▸ **Exercise goal**:
Your answer is the lines from the one that has "x_axis=(0.0, 1.0, 0.0)))" through the last line of the records below, retyped exactly and alone.

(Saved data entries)
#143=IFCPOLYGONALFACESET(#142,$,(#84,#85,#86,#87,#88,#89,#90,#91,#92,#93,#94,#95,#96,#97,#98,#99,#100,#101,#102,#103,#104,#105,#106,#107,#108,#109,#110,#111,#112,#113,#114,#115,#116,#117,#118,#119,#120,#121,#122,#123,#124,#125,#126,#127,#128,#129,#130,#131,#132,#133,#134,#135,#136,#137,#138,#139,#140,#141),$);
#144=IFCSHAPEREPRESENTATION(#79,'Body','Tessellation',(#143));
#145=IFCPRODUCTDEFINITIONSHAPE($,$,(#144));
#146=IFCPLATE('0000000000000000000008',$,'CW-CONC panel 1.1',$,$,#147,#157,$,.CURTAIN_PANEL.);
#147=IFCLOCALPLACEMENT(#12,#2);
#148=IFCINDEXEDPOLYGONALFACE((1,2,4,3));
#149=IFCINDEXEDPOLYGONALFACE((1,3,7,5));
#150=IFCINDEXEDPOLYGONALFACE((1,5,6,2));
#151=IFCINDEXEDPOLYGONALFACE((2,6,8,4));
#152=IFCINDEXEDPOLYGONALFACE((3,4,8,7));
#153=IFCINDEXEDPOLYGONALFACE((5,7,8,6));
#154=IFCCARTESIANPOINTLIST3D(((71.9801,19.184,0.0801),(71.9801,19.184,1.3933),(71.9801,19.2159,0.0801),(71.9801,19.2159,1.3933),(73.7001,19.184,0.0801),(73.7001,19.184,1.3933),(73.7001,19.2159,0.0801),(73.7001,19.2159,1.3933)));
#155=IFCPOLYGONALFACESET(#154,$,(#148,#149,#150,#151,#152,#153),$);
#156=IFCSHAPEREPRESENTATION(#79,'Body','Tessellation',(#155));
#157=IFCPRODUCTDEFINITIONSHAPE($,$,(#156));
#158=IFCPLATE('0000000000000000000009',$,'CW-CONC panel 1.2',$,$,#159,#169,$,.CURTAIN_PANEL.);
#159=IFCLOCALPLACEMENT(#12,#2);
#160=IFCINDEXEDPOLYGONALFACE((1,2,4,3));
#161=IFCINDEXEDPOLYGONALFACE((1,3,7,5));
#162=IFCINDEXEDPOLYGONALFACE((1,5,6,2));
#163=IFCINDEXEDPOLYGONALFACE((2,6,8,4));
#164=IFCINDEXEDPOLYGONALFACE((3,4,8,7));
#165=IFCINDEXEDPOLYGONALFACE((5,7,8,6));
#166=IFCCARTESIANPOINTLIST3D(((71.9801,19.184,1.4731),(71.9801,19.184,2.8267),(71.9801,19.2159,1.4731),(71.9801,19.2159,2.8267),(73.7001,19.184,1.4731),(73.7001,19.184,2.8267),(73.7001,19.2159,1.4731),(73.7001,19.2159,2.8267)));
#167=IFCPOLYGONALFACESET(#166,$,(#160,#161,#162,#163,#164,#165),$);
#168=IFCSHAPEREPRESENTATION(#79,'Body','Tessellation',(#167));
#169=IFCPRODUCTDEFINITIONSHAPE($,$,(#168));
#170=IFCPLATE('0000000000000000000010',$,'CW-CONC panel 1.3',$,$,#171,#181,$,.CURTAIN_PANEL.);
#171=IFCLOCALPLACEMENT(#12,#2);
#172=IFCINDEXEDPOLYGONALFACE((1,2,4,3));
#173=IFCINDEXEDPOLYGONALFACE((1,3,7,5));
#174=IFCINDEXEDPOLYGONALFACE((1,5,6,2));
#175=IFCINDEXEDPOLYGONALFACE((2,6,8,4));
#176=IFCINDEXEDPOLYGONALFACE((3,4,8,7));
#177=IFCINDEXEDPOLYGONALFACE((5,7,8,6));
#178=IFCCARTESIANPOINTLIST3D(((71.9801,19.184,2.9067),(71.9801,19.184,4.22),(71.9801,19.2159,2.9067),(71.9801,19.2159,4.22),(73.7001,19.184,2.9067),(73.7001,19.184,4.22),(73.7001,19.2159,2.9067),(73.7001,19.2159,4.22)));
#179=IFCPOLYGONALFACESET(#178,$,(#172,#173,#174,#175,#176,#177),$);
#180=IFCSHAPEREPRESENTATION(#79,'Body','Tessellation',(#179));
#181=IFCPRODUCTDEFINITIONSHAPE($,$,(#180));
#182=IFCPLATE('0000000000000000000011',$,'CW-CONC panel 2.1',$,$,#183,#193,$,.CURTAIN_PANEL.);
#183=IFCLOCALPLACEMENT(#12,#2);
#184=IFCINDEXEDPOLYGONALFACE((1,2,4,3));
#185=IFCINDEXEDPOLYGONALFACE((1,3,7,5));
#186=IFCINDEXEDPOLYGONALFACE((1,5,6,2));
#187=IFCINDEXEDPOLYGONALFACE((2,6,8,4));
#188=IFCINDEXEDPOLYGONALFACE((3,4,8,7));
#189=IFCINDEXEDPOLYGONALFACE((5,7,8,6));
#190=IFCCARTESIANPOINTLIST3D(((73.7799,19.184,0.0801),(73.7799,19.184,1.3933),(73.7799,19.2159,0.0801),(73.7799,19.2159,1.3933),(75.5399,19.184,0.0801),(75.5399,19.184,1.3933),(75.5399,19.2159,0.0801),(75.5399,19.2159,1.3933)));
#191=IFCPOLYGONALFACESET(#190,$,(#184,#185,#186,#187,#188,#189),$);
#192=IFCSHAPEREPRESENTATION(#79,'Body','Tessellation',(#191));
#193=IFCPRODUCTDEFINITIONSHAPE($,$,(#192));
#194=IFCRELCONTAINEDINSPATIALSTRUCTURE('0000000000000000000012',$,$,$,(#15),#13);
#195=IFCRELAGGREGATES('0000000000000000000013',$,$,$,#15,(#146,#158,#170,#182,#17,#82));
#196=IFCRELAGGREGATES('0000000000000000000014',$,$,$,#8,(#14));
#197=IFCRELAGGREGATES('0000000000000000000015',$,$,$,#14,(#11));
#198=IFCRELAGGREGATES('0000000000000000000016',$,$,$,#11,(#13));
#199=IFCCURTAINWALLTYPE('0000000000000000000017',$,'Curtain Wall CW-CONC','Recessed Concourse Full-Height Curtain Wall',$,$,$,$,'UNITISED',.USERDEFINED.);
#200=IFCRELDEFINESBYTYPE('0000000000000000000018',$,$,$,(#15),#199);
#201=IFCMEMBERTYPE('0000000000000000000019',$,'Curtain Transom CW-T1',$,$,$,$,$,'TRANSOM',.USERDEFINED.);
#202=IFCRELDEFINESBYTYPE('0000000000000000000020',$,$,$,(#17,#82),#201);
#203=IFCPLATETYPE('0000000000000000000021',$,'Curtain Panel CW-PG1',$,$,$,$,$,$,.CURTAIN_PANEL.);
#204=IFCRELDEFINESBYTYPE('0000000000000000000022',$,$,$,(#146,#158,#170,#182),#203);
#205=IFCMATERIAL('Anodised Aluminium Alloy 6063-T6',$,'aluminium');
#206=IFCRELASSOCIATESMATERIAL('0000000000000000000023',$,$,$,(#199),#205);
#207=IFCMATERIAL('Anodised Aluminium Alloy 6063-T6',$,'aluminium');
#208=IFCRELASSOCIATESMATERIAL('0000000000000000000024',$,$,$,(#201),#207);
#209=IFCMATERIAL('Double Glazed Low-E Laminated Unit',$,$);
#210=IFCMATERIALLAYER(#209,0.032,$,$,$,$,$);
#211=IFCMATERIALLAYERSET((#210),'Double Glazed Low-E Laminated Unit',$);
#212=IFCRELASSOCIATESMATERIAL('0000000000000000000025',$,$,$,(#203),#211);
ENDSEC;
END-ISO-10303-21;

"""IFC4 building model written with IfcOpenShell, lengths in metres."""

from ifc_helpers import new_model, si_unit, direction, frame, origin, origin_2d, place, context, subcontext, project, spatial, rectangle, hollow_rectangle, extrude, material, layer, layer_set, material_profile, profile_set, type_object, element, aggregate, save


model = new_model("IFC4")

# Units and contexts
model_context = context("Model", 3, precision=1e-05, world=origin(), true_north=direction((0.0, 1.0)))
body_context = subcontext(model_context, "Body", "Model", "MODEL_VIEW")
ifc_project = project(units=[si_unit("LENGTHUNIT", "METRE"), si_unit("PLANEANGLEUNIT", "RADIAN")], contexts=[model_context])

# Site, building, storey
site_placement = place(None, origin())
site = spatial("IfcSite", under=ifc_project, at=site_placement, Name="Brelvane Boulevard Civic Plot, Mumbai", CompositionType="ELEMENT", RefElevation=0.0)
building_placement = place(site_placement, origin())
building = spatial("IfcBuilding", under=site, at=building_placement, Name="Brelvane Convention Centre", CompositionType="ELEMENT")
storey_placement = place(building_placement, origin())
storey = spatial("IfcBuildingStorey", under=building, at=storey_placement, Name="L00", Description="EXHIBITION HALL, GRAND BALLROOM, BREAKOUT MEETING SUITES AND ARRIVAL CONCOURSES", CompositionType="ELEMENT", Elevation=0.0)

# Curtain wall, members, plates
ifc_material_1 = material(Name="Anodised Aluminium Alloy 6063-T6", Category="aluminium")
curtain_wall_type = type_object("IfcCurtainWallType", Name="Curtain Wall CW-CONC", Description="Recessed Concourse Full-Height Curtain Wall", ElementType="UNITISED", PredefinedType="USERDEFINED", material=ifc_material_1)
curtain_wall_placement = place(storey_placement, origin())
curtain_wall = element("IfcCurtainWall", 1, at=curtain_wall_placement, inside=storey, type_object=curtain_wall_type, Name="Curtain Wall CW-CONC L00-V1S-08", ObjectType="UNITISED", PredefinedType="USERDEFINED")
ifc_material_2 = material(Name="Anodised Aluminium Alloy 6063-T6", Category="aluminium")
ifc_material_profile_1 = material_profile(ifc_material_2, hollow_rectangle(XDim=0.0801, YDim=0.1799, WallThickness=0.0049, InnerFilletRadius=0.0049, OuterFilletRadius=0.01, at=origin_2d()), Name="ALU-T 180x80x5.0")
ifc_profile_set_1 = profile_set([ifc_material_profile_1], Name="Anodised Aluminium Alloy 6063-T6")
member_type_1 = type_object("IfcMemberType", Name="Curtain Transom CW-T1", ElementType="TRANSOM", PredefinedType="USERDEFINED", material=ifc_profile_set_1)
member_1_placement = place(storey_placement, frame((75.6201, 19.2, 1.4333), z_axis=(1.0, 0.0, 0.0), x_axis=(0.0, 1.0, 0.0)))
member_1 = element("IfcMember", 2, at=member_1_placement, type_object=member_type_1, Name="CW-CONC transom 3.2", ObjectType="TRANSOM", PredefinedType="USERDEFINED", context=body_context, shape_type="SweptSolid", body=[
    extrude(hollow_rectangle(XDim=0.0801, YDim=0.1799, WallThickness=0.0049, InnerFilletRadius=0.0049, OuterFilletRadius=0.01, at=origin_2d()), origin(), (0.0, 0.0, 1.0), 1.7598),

▸ **Output for this task**:
member_1_placement = place(storey_placement, frame((75.6201, 19.2, 1.4333), z_axis=(1.0, 0.0, 0.0), x_axis=(0.0, 1.0, 0.0)))
member_1 = element("IfcMember", 2, at=member_1_placement, type_object=member_type_1, Name="CW-CONC transom 3.2", ObjectType="TRANSOM", PredefinedType="USERDEFINED", context=body_context, shape_type="SweptSolid", body=[
    extrude(hollow_rectangle(XDim=0.0801, YDim=0.1799, WallThickness=0.0049, InnerFilletRadius=0.0049, OuterFilletRadius=0.01, at=origin_2d()), origin(), (0.0, 0.0, 1.0), 1.7598),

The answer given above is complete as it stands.